───── ENTRIES PROVIDED ─────

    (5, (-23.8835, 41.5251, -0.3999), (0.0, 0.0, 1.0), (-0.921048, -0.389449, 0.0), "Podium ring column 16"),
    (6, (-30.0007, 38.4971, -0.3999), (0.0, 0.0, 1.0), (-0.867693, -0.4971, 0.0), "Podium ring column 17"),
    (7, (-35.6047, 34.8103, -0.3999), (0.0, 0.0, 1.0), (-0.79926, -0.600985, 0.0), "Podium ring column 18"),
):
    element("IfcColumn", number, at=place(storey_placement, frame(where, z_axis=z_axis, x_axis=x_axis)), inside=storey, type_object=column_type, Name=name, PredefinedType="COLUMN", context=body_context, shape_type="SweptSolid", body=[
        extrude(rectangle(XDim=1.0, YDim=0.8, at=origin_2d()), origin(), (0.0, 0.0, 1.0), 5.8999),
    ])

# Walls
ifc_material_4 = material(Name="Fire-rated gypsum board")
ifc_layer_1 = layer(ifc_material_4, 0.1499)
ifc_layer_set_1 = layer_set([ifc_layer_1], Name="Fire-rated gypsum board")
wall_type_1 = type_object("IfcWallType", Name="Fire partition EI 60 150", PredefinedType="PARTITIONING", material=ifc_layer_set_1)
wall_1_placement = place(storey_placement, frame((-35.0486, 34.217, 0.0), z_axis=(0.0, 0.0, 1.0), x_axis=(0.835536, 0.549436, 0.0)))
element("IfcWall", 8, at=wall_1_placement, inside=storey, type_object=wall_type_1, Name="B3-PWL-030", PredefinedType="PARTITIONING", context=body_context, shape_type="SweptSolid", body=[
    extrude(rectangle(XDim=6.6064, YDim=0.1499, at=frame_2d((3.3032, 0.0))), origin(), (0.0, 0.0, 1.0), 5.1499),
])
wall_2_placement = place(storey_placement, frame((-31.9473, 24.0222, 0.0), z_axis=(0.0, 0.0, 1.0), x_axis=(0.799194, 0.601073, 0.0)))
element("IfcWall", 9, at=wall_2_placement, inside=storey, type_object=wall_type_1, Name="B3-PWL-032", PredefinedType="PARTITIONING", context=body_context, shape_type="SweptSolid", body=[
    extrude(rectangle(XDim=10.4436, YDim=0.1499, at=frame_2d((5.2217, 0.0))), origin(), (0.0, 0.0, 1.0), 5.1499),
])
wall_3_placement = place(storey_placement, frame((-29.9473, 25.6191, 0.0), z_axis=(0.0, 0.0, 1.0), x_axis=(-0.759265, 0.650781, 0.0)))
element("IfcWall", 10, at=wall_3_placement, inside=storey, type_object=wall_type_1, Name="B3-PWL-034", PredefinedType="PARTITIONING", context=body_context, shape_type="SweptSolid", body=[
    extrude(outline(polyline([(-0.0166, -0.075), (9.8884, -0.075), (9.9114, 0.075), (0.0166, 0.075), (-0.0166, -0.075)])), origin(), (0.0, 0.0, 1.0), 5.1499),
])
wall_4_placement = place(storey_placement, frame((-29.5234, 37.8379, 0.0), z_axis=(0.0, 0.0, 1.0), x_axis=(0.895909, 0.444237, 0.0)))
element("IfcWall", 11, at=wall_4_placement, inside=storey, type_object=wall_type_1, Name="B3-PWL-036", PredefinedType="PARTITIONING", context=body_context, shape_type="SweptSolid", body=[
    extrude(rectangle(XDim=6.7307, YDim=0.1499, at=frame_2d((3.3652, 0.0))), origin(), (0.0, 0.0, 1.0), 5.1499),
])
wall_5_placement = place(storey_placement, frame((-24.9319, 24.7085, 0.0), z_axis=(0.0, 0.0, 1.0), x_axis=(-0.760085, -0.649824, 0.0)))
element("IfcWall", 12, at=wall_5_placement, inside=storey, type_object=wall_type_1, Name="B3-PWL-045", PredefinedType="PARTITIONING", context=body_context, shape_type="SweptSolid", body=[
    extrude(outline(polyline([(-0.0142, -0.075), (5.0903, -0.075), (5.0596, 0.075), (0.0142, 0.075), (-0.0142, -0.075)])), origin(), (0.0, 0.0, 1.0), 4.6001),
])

─────

• _THE PROBLEM_
Copy out the whole listing above, leaving each line exactly as it stands.

• _RESULT OF THIS EXERCISE_
    (5, (-23.8835, 41.5251, -0.3999), (0.0, 0.0, 1.0), (-0.921048, -0.389449, 0.0), "Podium ring column 16"),
    (6, (-30.0007, 38.4971, -0.3999), (0.0, 0.0, 1.0), (-0.867693, -0.4971, 0.0), "Podium ring column 17"),
    (7, (-35.6047, 34.8103, -0.3999), (0.0, 0.0, 1.0), (-0.79926, -0.600985, 0.0), "Podium ring column 18"),
):
    element("IfcColumn", number, at=place(storey_placement, frame(where, z_axis=z_axis, x_axis=x_axis)), inside=storey, type_object=column_type, Name=name, PredefinedType="COLUMN", context=body_context, shape_type="SweptSolid", body=[
        extrude(rectangle(XDim=1.0, YDim=0.8, at=origin_2d()), origin(), (0.0, 0.0, 1.0), 5.8999),
    ])

# Walls
ifc_material_4 = material(Name="Fire-rated gypsum board")
ifc_layer_1 = layer(ifc_material_4, 0.1499)
ifc_layer_set_1 = layer_set([ifc_layer_1], Name="Fire-rated gypsum board")
wall_type_1 = type_object("IfcWallType", Name="Fire partition EI 60 150", PredefinedType="PARTITIONING", material=ifc_layer_set_1)
wall_1_placement = place(storey_placement, frame((-35.0486, 34.217, 0.0), z_axis=(0.0, 0.0, 1.0), x_axis=(0.835536, 0.549436, 0.0)))
element("IfcWall", 8, at=wall_1_placement, inside=storey, type_object=wall_type_1, Name="B3-PWL-030", PredefinedType="PARTITIONING", context=body_context, shape_type="SweptSolid", body=[
    extrude(rectangle(XDim=6.6064, YDim=0.1499, at=frame_2d((3.3032, 0.0))), origin(), (0.0, 0.0, 1.0), 5.1499),
])
wall_2_placement = place(storey_placement, frame((-31.9473, 24.0222, 0.0), z_axis=(0.0, 0.0, 1.0), x_axis=(0.799194, 0.601073, 0.0)))
element("IfcWall", 9, at=wall_2_placement, inside=storey, type_object=wall_type_1, Name="B3-PWL-032", PredefinedType="PARTITIONING", context=body_context, shape_type="SweptSolid", body=[
    extrude(rectangle(XDim=10.4436, YDim=0.1499, at=frame_2d((5.2217, 0.0))), origin(), (0.0, 0.0, 1.0), 5.1499),
])
wall_3_placement = place(storey_placement, frame((-29.9473, 25.6191, 0.0), z_axis=(0.0, 0.0, 1.0), x_axis=(-0.759265, 0.650781, 0.0)))
element("IfcWall", 10, at=wall_3_placement, inside=storey, type_object=wall_type_1, Name="B3-PWL-034", PredefinedType="PARTITIONING", context=body_context, shape_type="SweptSolid", body=[
    extrude(outline(polyline([(-0.0166, -0.075), (9.8884, -0.075), (9.9114, 0.075), (0.0166, 0.075), (-0.0166, -0.075)])), origin(), (0.0, 0.0, 1.0), 5.1499),
])
wall_4_placement = place(storey_placement, frame((-29.5234, 37.8379, 0.0), z_axis=(0.0, 0.0, 1.0), x_axis=(0.895909, 0.444237, 0.0)))
element("IfcWall", 11, at=wall_4_placement, inside=storey, type_object=wall_type_1, Name="B3-PWL-036", PredefinedType="PARTITIONING", context=body_context, shape_type="SweptSolid", body=[
    extrude(rectangle(XDim=6.7307, YDim=0.1499, at=frame_2d((3.3652, 0.0))), origin(), (0.0, 0.0, 1.0), 5.1499),
])
wall_5_placement = place(storey_placement, frame((-24.9319, 24.7085, 0.0), z_axis=(0.0, 0.0, 1.0), x_axis=(-0.760085, -0.649824, 0.0)))
element("IfcWall", 12, at=wall_5_placement, inside=storey, type_object=wall_type_1, Name="B3-PWL-045", PredefinedType="PARTITIONING", context=body_context, shape_type="SweptSolid", body=[
    extrude(outline(polyline([(-0.0142, -0.075), (5.0903, -0.075), (5.0596, 0.075), (0.0142, 0.075), (-0.0142, -0.075)])), origin(), (0.0, 0.0, 1.0), 4.6001),
])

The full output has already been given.